Provided data:

───

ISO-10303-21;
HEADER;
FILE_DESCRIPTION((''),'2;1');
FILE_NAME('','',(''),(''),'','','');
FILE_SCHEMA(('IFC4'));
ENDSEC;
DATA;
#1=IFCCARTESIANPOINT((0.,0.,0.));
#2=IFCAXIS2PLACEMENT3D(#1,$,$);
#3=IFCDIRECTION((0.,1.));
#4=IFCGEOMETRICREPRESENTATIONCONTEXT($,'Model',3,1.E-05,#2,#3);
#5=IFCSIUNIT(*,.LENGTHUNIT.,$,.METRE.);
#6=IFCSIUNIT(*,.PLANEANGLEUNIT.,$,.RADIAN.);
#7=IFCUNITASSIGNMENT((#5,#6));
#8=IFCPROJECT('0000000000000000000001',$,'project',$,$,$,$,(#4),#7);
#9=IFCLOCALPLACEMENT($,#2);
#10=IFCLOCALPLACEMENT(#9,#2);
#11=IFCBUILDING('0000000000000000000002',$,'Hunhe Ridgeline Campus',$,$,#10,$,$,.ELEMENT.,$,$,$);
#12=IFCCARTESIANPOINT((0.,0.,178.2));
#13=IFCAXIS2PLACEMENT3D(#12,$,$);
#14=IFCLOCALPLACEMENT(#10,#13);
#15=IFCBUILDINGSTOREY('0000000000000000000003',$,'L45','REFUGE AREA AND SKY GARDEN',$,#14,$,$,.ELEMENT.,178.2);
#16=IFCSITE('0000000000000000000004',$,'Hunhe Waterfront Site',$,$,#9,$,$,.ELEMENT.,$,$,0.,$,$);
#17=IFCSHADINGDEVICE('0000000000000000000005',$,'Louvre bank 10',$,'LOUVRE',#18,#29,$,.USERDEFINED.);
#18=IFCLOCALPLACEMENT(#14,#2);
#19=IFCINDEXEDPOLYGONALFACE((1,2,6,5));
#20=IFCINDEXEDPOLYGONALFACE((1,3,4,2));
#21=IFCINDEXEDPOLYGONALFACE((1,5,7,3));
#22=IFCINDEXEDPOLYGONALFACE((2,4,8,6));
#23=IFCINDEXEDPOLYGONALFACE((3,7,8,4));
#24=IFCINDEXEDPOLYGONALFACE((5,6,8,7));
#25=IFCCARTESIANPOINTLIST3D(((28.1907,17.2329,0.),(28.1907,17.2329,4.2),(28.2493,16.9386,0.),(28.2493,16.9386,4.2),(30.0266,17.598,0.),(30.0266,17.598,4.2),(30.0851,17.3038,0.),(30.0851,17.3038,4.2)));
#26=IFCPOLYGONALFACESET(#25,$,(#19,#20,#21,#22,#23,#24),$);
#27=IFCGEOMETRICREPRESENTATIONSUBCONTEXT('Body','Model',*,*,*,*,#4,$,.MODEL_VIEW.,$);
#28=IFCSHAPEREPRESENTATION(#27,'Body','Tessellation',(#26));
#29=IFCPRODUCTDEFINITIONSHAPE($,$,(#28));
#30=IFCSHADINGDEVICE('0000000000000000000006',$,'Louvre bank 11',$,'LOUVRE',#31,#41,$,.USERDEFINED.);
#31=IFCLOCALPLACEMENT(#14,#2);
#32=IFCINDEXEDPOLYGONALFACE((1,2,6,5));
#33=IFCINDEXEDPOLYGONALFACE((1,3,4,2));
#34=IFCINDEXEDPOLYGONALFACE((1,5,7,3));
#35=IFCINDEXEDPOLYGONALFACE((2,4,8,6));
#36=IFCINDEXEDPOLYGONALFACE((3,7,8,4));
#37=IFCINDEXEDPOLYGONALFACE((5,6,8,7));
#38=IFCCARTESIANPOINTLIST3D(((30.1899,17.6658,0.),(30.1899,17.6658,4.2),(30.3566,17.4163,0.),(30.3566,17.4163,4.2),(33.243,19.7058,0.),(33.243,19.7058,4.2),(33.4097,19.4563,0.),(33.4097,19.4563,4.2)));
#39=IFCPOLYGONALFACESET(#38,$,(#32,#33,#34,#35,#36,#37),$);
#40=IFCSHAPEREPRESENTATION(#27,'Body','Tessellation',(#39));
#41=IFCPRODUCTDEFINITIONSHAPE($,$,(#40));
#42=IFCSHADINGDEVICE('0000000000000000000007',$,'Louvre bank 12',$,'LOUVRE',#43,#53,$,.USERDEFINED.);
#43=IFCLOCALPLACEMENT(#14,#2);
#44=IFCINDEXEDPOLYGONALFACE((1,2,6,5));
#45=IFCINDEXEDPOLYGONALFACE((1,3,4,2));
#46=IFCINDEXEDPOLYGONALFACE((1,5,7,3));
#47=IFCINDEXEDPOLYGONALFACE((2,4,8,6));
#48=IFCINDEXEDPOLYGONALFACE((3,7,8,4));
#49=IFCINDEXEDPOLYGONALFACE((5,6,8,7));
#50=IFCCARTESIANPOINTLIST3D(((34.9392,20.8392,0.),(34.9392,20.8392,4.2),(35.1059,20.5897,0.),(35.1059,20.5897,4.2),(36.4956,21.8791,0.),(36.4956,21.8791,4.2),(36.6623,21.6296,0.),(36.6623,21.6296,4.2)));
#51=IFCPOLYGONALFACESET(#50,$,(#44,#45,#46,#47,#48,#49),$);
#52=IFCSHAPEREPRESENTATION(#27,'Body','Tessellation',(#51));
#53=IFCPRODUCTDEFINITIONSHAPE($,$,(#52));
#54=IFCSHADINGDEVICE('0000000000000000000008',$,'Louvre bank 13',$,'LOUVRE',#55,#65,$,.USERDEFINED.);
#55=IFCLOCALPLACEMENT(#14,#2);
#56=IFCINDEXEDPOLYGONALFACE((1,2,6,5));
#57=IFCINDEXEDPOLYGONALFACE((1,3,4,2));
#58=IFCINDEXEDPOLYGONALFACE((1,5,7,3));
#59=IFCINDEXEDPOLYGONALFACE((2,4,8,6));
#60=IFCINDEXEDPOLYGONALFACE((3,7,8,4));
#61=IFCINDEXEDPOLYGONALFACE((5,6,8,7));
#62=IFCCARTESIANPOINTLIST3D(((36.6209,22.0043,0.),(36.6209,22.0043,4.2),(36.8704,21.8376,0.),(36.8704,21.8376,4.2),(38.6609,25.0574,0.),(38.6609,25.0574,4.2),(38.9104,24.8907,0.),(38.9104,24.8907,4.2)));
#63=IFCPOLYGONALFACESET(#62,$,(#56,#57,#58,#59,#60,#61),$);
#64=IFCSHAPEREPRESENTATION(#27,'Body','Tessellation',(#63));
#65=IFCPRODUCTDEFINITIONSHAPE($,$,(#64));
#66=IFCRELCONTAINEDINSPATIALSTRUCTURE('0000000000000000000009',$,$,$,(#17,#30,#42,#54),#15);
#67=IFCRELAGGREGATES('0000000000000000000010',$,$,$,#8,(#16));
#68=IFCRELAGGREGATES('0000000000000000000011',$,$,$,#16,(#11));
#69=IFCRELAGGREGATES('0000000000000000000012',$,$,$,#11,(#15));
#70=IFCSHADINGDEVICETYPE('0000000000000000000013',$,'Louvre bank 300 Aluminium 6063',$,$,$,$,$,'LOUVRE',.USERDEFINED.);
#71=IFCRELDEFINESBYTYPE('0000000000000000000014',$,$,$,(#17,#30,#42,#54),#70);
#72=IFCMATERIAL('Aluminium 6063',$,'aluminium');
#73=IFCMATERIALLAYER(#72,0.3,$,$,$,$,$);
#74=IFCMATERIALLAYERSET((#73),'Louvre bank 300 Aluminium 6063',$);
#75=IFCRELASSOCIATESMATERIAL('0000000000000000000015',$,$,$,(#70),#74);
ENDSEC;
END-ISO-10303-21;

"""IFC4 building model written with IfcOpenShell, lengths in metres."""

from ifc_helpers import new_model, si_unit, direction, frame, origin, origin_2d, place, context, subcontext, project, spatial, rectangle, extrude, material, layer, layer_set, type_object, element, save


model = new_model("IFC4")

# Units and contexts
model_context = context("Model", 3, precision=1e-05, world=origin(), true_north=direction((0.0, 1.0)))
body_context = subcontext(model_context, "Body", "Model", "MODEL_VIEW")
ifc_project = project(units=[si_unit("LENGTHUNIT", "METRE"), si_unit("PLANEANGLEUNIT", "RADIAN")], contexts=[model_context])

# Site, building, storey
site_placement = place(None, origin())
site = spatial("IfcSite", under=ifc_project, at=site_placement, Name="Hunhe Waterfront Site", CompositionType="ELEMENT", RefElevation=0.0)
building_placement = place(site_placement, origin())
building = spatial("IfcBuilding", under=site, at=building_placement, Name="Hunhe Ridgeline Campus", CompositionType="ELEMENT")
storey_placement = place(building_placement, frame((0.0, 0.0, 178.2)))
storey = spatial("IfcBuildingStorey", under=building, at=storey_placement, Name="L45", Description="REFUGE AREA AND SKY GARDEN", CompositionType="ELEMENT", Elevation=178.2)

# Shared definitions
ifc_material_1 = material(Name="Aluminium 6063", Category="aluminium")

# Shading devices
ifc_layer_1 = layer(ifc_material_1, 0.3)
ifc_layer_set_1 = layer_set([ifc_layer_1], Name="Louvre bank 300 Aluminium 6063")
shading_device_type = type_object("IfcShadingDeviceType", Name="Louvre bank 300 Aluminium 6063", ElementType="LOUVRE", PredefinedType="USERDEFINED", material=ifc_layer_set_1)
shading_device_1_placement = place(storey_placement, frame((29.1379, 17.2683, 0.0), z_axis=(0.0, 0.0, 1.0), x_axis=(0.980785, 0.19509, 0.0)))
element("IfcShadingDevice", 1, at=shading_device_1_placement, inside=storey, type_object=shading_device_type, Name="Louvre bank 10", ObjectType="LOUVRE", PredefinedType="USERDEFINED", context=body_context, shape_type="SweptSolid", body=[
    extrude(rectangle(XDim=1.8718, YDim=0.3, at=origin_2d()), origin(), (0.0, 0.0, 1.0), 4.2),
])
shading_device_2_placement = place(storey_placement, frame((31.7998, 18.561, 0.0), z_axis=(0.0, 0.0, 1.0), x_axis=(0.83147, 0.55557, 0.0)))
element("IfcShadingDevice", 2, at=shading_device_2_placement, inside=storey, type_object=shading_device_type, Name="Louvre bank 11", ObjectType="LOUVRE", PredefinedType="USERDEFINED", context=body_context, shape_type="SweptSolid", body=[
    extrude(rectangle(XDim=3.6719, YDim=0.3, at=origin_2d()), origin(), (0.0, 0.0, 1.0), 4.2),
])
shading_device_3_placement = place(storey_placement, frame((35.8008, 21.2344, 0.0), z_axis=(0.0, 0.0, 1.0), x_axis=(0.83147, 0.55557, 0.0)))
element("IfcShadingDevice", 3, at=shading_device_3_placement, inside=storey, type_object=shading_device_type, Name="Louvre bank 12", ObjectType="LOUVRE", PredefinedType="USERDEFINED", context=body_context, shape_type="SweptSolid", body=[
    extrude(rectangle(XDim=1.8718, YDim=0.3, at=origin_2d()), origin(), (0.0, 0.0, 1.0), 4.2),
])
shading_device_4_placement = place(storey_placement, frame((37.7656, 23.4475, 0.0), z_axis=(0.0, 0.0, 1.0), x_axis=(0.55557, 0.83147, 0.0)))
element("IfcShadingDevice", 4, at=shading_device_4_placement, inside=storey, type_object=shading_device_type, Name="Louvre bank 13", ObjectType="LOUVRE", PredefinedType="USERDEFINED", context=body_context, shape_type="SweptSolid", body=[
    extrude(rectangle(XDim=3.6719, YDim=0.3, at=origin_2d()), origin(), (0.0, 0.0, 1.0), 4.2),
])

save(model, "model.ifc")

───

Required action:
In the entries above, find the line holding "#19=IFCINDEXEDPOLYGONALFACE((1,2,6,5));" and the line holding "#49=IFCINDEXEDPOLYGONALFACE((5,6,8,7));"; print both of them and every line between, exactly, and nothing else.

Answer to the exercise:
#19=IFCINDEXEDPOLYGONALFACE((1,2,6,5));
#20=IFCINDEXEDPOLYGONALFACE((1,3,4,2));
#21=IFCINDEXEDPOLYGONALFACE((1,5,7,3));
#22=IFCINDEXEDPOLYGONALFACE((2,4,8,6));
#23=IFCINDEXEDPOLYGONALFACE((3,7,8,4));
#24=IFCINDEXEDPOLYGONALFACE((5,6,8,7));
#25=IFCCARTESIANPOINTLIST3D(((28.1907,17.2329,0.),(28.1907,17.2329,4.2),(28.2493,16.9386,0.),(28.2493,16.9386,4.2),(30.0266,17.598,0.),(30.0266,17.598,4.2),(30.0851,17.3038,0.),(30.0851,17.3038,4.2)));
#26=IFCPOLYGONALFACESET(#25,$,(#19,#20,#21,#22,#23,#24),$);
#27=IFCGEOMETRICREPRESENTATIONSUBCONTEXT('Body','Model',*,*,*,*,#4,$,.MODEL_VIEW.,$);
#28=IFCSHAPEREPRESENTATION(#27,'Body','Tessellation',(#26));
#29=IFCPRODUCTDEFINITIONSHAPE($,$,(#28));
#30=IFCSHADINGDEVICE('0000000000000000000006',$,'Louvre bank 11',$,'LOUVRE',#31,#41,$,.USERDEFINED.);
#31=IFCLOCALPLACEMENT(#14,#2);
#32=IFCINDEXEDPOLYGONALFACE((1,2,6,5));
#33=IFCINDEXEDPOLYGONALFACE((1,3,4,2));
#34=IFCINDEXEDPOLYGONALFACE((1,5,7,3));
#35=IFCINDEXEDPOLYGONALFACE((2,4,8,6));
#36=IFCINDEXEDPOLYGONALFACE((3,7,8,4));
#37=IFCINDEXEDPOLYGONALFACE((5,6,8,7));
#38=IFCCARTESIANPOINTLIST3D(((30.1899,17.6658,0.),(30.1899,17.6658,4.2),(30.3566,17.4163,0.),(30.3566,17.4163,4.2),(33.243,19.7058,0.),(33.243,19.7058,4.2),(33.4097,19.4563,0.),(33.4097,19.4563,4.2)));
#39=IFCPOLYGONALFACESET(#38,$,(#32,#33,#34,#35,#36,#37),$);
#40=IFCSHAPEREPRESENTATION(#27,'Body','Tessellation',(#39));
#41=IFCPRODUCTDEFINITIONSHAPE($,$,(#40));
#42=IFCSHADINGDEVICE('0000000000000000000007',$,'Louvre bank 12',$,'LOUVRE',#43,#53,$,.USERDEFINED.);
#43=IFCLOCALPLACEMENT(#14,#2);
#44=IFCINDEXEDPOLYGONALFACE((1,2,6,5));
#45=IFCINDEXEDPOLYGONALFACE((1,3,4,2));
#46=IFCINDEXEDPOLYGONALFACE((1,5,7,3));
#47=IFCINDEXEDPOLYGONALFACE((2,4,8,6));
#48=IFCINDEXEDPOLYGONALFACE((3,7,8,4));
#49=IFCINDEXEDPOLYGONALFACE((5,6,8,7));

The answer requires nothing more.